*DIRECTIONS FOR THIS TASK*. From the entries that follow, reproduce exactly and only the lines from the line with "FILE_NAME('','',(''),(''),'','','');" to the line with "#4=IFCGEOMETRICREPRESENTATIONCONTEXT($,'Model',3,1.E-05,#2,#3);", endpoints included.

Top of DATA SUPPLIED

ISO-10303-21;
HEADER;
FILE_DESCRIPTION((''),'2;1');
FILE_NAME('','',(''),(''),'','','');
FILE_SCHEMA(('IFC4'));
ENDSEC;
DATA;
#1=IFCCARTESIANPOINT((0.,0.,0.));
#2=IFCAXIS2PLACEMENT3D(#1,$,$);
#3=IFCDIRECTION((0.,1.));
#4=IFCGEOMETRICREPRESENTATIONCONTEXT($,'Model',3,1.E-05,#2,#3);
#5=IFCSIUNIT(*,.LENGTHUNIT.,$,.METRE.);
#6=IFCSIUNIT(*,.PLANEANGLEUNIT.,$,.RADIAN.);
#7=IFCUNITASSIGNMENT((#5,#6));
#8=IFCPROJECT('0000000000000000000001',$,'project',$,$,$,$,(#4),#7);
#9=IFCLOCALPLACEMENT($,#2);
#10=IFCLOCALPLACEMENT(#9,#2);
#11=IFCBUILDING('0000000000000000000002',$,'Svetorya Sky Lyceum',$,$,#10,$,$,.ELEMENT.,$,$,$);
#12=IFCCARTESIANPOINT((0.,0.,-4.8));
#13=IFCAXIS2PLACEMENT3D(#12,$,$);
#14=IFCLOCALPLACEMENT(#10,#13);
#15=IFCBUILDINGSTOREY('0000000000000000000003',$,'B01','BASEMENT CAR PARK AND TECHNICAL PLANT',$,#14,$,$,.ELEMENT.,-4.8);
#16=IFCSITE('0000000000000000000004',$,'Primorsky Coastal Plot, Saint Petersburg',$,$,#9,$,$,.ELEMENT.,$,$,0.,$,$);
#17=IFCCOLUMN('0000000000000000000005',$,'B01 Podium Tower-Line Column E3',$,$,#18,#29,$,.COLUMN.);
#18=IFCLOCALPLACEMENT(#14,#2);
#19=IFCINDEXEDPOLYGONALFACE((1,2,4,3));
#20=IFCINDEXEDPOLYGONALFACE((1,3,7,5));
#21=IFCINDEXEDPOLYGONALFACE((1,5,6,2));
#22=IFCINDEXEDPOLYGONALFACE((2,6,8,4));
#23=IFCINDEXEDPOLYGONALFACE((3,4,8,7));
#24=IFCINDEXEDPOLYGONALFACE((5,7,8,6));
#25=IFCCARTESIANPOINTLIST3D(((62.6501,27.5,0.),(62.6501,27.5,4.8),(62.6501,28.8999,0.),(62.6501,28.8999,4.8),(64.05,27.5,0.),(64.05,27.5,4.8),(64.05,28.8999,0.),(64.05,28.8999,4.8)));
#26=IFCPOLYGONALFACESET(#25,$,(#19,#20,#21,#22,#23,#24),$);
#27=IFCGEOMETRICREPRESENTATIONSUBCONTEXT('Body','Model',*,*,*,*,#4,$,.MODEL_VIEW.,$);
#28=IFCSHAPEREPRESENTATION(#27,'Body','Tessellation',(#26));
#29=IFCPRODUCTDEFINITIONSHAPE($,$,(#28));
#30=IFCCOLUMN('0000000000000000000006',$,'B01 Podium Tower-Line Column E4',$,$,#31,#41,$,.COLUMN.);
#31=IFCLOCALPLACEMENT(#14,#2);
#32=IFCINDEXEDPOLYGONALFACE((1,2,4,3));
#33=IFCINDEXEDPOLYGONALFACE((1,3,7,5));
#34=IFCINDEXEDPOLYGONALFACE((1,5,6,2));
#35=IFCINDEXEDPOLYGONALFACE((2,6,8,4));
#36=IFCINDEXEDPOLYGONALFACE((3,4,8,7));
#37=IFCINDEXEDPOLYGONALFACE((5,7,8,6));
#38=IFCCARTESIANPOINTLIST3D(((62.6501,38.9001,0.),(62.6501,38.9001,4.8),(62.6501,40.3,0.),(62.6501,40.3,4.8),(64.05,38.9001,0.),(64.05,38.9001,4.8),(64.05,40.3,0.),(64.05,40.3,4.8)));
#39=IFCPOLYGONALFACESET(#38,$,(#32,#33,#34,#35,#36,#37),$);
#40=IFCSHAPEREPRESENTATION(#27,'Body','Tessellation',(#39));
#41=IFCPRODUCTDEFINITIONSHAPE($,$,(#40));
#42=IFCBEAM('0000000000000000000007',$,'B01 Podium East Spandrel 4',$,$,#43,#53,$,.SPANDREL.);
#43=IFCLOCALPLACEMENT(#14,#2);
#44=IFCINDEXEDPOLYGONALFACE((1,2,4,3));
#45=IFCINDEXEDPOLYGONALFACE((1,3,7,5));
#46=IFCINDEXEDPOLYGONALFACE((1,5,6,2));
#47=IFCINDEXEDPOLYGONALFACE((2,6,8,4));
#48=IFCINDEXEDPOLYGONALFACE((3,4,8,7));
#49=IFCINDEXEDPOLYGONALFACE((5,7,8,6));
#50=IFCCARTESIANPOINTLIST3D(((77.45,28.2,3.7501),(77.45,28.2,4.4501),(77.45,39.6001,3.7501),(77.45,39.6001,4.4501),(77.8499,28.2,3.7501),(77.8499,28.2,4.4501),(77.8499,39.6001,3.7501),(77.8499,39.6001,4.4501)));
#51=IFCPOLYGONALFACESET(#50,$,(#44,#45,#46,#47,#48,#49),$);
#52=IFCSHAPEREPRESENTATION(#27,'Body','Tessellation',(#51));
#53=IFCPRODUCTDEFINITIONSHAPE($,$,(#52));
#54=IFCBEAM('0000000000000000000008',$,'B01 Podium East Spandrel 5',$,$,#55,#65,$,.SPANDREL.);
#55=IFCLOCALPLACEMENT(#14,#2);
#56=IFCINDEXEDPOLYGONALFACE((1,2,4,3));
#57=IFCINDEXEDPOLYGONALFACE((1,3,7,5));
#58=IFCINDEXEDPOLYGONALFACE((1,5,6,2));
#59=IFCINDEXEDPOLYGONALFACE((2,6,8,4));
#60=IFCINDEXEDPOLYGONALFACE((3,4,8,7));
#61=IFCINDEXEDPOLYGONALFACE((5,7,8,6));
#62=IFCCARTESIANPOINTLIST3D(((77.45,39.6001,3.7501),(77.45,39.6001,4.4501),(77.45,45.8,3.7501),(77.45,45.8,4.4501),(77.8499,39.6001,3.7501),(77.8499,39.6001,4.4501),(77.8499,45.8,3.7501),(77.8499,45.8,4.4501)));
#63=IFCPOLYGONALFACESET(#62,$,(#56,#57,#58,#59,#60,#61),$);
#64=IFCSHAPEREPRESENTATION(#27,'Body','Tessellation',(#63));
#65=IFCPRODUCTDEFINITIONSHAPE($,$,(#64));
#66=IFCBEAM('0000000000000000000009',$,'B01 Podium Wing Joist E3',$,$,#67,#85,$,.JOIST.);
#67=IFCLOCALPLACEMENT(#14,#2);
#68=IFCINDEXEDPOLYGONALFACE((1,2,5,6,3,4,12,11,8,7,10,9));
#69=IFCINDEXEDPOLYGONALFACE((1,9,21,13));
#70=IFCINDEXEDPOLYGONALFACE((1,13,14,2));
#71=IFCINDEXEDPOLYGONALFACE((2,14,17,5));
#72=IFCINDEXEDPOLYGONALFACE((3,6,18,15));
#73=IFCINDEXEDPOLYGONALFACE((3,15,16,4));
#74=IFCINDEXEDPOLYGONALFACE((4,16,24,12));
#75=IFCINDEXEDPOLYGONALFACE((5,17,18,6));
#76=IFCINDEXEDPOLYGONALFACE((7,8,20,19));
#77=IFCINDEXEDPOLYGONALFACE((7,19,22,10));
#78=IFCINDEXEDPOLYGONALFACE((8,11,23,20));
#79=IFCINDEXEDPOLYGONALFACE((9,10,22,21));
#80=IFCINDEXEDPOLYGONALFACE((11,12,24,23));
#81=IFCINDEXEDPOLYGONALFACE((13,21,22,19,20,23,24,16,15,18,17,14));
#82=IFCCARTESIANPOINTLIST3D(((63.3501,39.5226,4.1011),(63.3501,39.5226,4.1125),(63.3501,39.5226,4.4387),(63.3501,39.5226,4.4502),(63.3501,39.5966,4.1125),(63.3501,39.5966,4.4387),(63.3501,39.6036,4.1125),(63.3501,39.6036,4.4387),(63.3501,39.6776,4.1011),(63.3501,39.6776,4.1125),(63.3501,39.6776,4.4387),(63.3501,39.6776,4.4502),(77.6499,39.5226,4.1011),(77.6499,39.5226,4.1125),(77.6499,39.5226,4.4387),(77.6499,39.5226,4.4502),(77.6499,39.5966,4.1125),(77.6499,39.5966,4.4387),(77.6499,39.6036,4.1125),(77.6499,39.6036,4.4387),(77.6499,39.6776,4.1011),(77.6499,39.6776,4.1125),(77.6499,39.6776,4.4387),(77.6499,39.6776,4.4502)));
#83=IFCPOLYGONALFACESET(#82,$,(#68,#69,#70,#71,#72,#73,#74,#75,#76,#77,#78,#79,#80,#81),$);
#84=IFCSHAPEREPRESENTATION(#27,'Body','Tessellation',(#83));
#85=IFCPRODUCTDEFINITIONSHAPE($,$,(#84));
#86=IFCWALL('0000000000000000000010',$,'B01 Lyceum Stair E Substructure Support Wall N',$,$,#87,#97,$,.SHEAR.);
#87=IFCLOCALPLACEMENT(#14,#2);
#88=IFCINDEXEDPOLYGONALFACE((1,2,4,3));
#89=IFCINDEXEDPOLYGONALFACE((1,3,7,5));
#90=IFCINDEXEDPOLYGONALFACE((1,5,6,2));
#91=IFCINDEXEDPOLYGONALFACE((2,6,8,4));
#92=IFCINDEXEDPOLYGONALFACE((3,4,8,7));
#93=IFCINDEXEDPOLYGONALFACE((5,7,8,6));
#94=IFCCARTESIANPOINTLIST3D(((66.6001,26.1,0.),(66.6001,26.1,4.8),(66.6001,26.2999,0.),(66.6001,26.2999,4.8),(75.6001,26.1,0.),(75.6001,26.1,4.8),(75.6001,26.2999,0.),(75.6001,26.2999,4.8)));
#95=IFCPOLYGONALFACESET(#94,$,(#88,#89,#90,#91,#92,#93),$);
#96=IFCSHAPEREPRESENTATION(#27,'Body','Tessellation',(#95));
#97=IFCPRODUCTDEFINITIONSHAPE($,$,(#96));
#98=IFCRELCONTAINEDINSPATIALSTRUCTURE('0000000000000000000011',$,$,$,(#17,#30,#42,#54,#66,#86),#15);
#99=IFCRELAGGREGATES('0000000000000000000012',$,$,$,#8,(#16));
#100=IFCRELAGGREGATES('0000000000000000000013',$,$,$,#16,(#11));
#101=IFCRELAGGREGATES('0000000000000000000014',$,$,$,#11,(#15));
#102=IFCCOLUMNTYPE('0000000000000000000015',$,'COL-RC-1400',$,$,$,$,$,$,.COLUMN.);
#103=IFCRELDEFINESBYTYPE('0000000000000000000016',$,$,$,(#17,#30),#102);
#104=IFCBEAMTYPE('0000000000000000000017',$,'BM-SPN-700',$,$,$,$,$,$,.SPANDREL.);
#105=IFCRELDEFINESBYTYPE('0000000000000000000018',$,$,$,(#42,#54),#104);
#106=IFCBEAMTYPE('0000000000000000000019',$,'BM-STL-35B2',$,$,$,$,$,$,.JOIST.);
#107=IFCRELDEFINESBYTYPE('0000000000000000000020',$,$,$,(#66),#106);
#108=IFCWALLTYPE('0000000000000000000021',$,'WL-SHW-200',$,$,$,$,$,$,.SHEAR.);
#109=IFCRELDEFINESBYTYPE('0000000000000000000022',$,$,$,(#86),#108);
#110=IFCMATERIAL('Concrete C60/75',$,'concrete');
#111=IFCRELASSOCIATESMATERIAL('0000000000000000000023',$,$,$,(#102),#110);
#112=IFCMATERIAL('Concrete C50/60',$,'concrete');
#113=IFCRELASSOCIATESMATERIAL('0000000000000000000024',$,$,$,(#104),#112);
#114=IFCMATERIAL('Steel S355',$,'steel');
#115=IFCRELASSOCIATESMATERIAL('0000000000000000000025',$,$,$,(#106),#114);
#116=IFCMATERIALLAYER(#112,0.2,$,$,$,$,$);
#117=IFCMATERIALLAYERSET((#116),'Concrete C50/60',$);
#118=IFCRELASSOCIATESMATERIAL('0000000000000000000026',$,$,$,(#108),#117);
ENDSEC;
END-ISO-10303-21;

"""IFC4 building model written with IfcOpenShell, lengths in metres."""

from ifc_helpers import new_model, si_unit, direction, frame, frame_2d, origin, origin_2d, place, context, subcontext, project, spatial, rectangle, i_section, extrude, material, layer, layer_set, material_profile, profile_set, type_object, element, save


model = new_model("IFC4")

# Units and contexts
model_context = context("Model", 3, precision=1e-05, world=origin(), true_north=direction((0.0, 1.0)))
body_context = subcontext(model_context, "Body", "Model", "MODEL_VIEW")
ifc_project = project(units=[si_unit("LENGTHUNIT", "METRE"), si_unit("PLANEANGLEUNIT", "RADIAN")], contexts=[model_context])

# Site, building, storey
site_placement = place(None, origin())
site = spatial("IfcSite", under=ifc_project, at=site_placement, Name="Primorsky Coastal Plot, Saint Petersburg", CompositionType="ELEMENT", RefElevation=0.0)
building_placement = place(site_placement, origin())
building = spatial("IfcBuilding", under=site, at=building_placement, Name="Svetorya Sky Lyceum", CompositionType="ELEMENT")
storey_placement = place(building_placement, frame((0.0, 0.0, -4.8)))
storey = spatial("IfcBuildingStorey", under=building, at=storey_placement, Name="B01", Description="BASEMENT CAR PARK AND TECHNICAL PLANT", CompositionType="ELEMENT", Elevation=-4.8)

# Columns
ifc_material_1 = material(Name="Concrete C60/75", Category="concrete")
ifc_material_profile_1 = material_profile(ifc_material_1, rectangle(XDim=1.3999, YDim=1.3999, at=origin_2d()), Name="RC COL 1400x1400")
ifc_profile_set_1 = profile_set([ifc_material_profile_1], Name="Concrete C60/75")
column_type_1 = type_object("IfcColumnType", Name="COL-RC-1400", PredefinedType="COLUMN", material=ifc_profile_set_1)
for number, where, z_axis, x_axis, name in (
    (1, (63.3501, 28.2, 0.0), (0.0, 0.0, 1.0), (1.0, 0.0, 0.0), "B01 Podium Tower-Line Column E3"),
    (2, (63.3501, 39.6001, 0.0), (0.0, 0.0, 1.0), (1.0, 0.0, 0.0), "B01 Podium Tower-Line Column E4"),
):
    element("IfcColumn", number, at=place(storey_placement, frame(where, z_axis=z_axis, x_axis=x_axis)), inside=storey, type_object=column_type_1, Name=name, PredefinedType="COLUMN", context=body_context, shape_type="SweptSolid", body=[
        extrude(rectangle(XDim=1.3999, YDim=1.3999, at=origin_2d()), origin(), (0.0, 0.0, 1.0), 4.8),
    ])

Bottom of DATA SUPPLIED

*ANSWER BOX*.
FILE_NAME('','',(''),(''),'','','');
FILE_SCHEMA(('IFC4'));
ENDSEC;
DATA;
#1=IFCCARTESIANPOINT((0.,0.,0.));
#2=IFCAXIS2PLACEMENT3D(#1,$,$);
#3=IFCDIRECTION((0.,1.));
#4=IFCGEOMETRICREPRESENTATIONCONTEXT($,'Model',3,1.E-05,#2,#3);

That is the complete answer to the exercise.